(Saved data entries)
▶

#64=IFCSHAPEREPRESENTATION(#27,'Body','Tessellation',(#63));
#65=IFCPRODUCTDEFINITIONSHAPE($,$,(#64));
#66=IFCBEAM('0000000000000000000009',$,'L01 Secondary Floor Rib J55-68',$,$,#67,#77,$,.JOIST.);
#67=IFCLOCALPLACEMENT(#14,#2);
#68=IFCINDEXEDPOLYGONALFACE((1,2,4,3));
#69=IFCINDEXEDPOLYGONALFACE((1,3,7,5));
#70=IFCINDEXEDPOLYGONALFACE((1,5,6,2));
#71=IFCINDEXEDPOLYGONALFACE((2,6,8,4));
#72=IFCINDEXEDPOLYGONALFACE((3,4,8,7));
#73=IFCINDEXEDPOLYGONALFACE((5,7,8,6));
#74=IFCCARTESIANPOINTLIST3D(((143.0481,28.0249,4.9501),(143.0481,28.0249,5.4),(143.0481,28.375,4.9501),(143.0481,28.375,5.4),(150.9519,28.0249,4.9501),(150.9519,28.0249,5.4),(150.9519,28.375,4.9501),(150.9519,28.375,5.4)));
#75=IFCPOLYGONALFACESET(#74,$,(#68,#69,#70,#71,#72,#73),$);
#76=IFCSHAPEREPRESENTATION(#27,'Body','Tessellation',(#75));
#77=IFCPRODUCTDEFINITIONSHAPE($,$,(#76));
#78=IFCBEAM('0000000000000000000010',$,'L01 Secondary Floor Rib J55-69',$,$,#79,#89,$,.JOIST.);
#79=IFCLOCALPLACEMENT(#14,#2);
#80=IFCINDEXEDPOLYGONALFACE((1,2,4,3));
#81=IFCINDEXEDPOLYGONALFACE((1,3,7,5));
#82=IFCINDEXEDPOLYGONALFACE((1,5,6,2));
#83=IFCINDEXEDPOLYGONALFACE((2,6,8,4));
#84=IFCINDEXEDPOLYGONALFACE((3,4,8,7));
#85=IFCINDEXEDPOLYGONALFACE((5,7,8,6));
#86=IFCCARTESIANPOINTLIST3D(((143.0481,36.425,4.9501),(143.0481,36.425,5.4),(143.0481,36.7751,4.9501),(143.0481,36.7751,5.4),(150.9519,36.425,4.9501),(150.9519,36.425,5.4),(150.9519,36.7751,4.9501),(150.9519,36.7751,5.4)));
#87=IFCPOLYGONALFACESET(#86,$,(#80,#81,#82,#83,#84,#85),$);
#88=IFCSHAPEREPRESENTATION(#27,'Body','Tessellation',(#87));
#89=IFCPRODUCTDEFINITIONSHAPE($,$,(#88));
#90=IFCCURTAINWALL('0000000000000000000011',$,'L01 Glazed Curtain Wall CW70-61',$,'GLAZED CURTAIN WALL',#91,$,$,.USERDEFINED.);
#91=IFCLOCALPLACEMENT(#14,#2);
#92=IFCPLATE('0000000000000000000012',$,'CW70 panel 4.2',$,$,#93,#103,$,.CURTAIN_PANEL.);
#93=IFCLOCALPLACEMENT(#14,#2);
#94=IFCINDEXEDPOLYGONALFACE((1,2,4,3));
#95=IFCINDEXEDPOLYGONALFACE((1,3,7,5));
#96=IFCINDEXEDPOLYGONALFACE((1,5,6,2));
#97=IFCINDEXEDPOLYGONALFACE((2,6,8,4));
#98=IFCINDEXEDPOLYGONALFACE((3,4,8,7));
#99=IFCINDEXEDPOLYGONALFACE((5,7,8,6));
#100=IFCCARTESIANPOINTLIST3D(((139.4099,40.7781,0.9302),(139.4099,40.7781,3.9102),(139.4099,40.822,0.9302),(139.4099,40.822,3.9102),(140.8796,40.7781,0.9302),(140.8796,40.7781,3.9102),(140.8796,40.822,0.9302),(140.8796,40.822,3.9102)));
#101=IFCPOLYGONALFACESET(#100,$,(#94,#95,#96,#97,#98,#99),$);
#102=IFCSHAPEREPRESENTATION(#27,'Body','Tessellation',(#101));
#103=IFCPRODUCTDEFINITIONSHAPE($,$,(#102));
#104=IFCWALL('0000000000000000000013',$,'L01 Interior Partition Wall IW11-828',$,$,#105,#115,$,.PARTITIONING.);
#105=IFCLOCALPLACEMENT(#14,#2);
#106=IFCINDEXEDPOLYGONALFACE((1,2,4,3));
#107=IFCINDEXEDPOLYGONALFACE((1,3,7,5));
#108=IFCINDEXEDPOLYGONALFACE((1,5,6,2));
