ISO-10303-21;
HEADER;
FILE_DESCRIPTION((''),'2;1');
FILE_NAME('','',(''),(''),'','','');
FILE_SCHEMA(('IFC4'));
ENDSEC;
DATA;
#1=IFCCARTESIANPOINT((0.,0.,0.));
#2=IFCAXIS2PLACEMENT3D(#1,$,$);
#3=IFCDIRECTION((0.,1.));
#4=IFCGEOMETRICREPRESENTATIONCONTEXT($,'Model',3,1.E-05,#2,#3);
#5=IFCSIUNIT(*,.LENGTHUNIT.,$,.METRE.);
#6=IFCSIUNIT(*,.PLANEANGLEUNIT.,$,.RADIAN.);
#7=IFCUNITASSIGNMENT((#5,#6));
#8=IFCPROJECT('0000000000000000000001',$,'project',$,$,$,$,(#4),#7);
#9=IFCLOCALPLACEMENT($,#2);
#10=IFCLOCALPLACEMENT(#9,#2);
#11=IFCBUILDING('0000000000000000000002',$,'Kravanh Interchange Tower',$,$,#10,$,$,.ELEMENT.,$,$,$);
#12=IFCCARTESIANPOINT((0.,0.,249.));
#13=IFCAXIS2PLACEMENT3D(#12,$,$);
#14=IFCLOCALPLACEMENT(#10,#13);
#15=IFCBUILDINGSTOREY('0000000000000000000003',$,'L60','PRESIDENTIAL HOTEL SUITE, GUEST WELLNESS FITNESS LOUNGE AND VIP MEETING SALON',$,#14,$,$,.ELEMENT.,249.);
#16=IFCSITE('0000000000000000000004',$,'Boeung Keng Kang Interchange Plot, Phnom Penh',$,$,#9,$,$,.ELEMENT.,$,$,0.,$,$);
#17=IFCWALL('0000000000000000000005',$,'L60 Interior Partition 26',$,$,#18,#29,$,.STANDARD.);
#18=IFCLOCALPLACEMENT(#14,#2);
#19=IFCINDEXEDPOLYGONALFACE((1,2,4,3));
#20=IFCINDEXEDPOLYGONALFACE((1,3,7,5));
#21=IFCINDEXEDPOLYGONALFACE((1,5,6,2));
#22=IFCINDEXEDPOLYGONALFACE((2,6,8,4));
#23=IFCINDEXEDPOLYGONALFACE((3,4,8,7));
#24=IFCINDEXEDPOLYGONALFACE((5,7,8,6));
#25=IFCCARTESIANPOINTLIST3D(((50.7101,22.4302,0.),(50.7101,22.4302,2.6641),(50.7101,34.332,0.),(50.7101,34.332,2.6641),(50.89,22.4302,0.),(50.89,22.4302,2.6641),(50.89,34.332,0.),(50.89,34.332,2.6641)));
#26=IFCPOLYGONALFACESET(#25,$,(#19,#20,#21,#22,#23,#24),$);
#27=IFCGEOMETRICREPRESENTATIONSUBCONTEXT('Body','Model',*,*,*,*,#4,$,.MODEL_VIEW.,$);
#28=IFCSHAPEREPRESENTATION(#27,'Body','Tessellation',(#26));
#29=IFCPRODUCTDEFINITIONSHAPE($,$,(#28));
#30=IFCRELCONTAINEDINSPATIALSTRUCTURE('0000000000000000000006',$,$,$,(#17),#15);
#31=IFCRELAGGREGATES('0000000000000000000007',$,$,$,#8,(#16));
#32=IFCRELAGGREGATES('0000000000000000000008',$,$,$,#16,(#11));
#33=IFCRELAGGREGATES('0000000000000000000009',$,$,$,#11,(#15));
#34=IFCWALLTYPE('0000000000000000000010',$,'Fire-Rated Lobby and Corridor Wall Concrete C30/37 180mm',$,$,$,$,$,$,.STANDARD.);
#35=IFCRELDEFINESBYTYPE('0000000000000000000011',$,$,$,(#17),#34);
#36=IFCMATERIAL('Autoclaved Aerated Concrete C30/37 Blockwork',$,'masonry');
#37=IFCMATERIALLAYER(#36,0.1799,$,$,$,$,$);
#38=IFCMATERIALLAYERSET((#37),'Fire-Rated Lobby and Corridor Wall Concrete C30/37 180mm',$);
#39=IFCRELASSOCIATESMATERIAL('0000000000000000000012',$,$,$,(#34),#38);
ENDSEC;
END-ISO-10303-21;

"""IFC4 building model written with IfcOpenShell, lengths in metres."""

from ifc_helpers import new_model, si_unit, direction, frame, frame_2d, origin, place, context, subcontext, project, spatial, rectangle, extrude, material, layer, layer_set, type_object, element, save


model = new_model("IFC4")

# Units and contexts
model_context = context("Model", 3, precision=1e-05, world=origin(), true_north=direction((0.0, 1.0)))
body_context = subcontext(model_context, "Body", "Model", "MODEL_VIEW")
ifc_project = project(units=[si_unit("LENGTHUNIT", "METRE"), si_unit("PLANEANGLEUNIT", "RADIAN")], contexts=[model_context])

# Site, building, storey
site_placement = place(None, origin())
site = spatial("IfcSite", under=ifc_project, at=site_placement, Name="Boeung Keng Kang Interchange Plot, Phnom Penh", CompositionType="ELEMENT", RefElevation=0.0)
building_placement = place(site_placement, origin())
building = spatial("IfcBuilding", under=site, at=building_placement, Name="Kravanh Interchange Tower", CompositionType="ELEMENT")
storey_placement = place(building_placement, frame((0.0, 0.0, 249.0)))
storey = spatial("IfcBuildingStorey", under=building, at=storey_placement, Name="L60", Description="PRESIDENTIAL HOTEL SUITE, GUEST WELLNESS FITNESS LOUNGE AND VIP MEETING SALON", CompositionType="ELEMENT", Elevation=249.0)

# Wall
ifc_material_1 = material(Name="Autoclaved Aerated Concrete C30/37 Blockwork", Category="masonry")
ifc_layer_1 = layer(ifc_material_1, 0.1799)
ifc_layer_set_1 = layer_set([ifc_layer_1], Name="Fire-Rated Lobby and Corridor Wall Concrete C30/37 180mm")
wall_type = type_object("IfcWallType", Name="Fire-Rated Lobby and Corridor Wall Concrete C30/37 180mm", PredefinedType="STANDARD", material=ifc_layer_set_1)
wall_1_placement = place(storey_placement, frame((50.8, 22.4302, 0.0), z_axis=(0.0, 0.0, 1.0), x_axis=(0.0, 1.0, 0.0)))
element("IfcWall", 1, at=wall_1_placement, inside=storey, type_object=wall_type, Name="L60 Interior Partition 26", PredefinedType="STANDARD", context=body_context, shape_type="SweptSolid", body=[
    extrude(rectangle(XDim=11.9019, YDim=0.1799, at=frame_2d((5.9509, 0.0))), origin(), (0.0, 0.0, 1.0), 2.6641),
])

save(model, "model.ifc")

◀

The required output is the stretch of entries above from the line containing "#65=IFCPRODUCTDEFINITIONSHAPE($,$,(#64));" through the line containing "#72=IFCINDEXEDPOLYGONALFACE((3,4,8,7));", reproduced exactly.

## Exercise output
#65=IFCPRODUCTDEFINITIONSHAPE($,$,(#64));
#66=IFCBEAM('0000000000000000000009',$,'L01 Secondary Floor Rib J55-68',$,$,#67,#77,$,.JOIST.);
#67=IFCLOCALPLACEMENT(#14,#2);
#68=IFCINDEXEDPOLYGONALFACE((1,2,4,3));
#69=IFCINDEXEDPOLYGONALFACE((1,3,7,5));
#70=IFCINDEXEDPOLYGONALFACE((1,5,6,2));
#71=IFCINDEXEDPOLYGONALFACE((2,6,8,4));
#72=IFCINDEXEDPOLYGONALFACE((3,4,8,7));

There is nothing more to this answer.